What appears from the first line of the records below through the line containing "building model written" must be reproduced verbatim.
SUPPLIED INFORMATION Start Marker
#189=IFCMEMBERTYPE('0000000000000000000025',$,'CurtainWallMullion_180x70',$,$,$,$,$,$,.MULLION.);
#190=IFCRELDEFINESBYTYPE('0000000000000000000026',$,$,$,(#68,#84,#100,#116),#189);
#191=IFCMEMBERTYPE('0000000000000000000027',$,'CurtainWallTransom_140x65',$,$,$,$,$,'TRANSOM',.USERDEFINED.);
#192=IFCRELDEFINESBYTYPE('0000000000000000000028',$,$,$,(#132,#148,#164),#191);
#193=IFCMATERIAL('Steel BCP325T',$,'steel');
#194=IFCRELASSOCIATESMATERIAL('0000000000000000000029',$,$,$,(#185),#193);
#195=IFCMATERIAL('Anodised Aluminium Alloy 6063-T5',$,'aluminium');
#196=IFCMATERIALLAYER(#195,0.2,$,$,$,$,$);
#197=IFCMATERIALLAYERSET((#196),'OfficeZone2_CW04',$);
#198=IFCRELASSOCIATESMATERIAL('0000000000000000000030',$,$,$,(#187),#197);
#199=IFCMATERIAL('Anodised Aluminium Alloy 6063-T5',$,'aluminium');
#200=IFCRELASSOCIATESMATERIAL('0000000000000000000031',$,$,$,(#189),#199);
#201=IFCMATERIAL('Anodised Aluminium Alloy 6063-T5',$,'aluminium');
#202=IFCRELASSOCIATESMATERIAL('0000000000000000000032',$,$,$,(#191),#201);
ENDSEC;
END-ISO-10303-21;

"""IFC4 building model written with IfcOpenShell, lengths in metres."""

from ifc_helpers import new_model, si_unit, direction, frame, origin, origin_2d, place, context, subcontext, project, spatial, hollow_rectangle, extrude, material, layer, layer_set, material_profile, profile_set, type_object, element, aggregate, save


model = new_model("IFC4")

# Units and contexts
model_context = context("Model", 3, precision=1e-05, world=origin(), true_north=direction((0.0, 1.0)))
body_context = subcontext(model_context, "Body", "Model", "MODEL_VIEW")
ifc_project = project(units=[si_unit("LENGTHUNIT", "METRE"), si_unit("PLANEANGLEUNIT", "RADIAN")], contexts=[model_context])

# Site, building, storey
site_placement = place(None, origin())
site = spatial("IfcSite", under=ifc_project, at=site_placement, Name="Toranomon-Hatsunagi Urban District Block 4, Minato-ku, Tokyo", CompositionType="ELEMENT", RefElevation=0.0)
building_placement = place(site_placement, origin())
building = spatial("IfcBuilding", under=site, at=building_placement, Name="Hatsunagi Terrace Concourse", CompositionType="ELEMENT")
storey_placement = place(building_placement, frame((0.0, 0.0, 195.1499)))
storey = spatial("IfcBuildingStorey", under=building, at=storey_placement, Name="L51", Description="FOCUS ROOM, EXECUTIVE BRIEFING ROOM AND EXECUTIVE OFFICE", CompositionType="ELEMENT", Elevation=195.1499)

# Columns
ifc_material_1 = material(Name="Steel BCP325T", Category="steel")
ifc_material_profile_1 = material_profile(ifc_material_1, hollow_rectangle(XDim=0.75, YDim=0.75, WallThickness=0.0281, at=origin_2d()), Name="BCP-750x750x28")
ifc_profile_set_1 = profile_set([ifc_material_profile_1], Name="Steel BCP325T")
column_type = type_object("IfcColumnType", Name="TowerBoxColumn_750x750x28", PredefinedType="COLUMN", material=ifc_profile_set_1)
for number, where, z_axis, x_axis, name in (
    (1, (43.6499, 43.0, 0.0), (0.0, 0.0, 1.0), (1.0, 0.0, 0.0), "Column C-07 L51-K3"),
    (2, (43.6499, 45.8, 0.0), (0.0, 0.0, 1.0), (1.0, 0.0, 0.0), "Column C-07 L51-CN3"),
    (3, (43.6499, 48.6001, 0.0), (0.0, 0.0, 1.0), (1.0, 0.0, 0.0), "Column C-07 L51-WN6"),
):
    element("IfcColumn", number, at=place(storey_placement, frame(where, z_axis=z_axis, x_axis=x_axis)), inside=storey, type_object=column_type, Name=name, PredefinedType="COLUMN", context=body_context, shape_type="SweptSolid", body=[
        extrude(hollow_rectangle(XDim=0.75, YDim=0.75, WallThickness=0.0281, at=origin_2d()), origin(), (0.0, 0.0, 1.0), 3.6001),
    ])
SUPPLIED INFORMATION End Marker
• _EXERCISE SOLUTION_
#189=IFCMEMBERTYPE('0000000000000000000025',$,'CurtainWallMullion_180x70',$,$,$,$,$,$,.MULLION.);
#190=IFCRELDEFINESBYTYPE('0000000000000000000026',$,$,$,(#68,#84,#100,#116),#189);
#191=IFCMEMBERTYPE('0000000000000000000027',$,'CurtainWallTransom_140x65',$,$,$,$,$,'TRANSOM',.USERDEFINED.);
#192=IFCRELDEFINESBYTYPE('0000000000000000000028',$,$,$,(#132,#148,#164),#191);
#193=IFCMATERIAL('Steel BCP325T',$,'steel');
#194=IFCRELASSOCIATESMATERIAL('0000000000000000000029',$,$,$,(#185),#193);
#195=IFCMATERIAL('Anodised Aluminium Alloy 6063-T5',$,'aluminium');
#196=IFCMATERIALLAYER(#195,0.2,$,$,$,$,$);
#197=IFCMATERIALLAYERSET((#196),'OfficeZone2_CW04',$);
#198=IFCRELASSOCIATESMATERIAL('0000000000000000000030',$,$,$,(#187),#197);
#199=IFCMATERIAL('Anodised Aluminium Alloy 6063-T5',$,'aluminium');
#200=IFCRELASSOCIATESMATERIAL('0000000000000000000031',$,$,$,(#189),#199);
#201=IFCMATERIAL('Anodised Aluminium Alloy 6063-T5',$,'aluminium');
#202=IFCRELASSOCIATESMATERIAL('0000000000000000000032',$,$,$,(#191),#201);
ENDSEC;
END-ISO-10303-21;

"""IFC4 building model written with IfcOpenShell, lengths in metres."""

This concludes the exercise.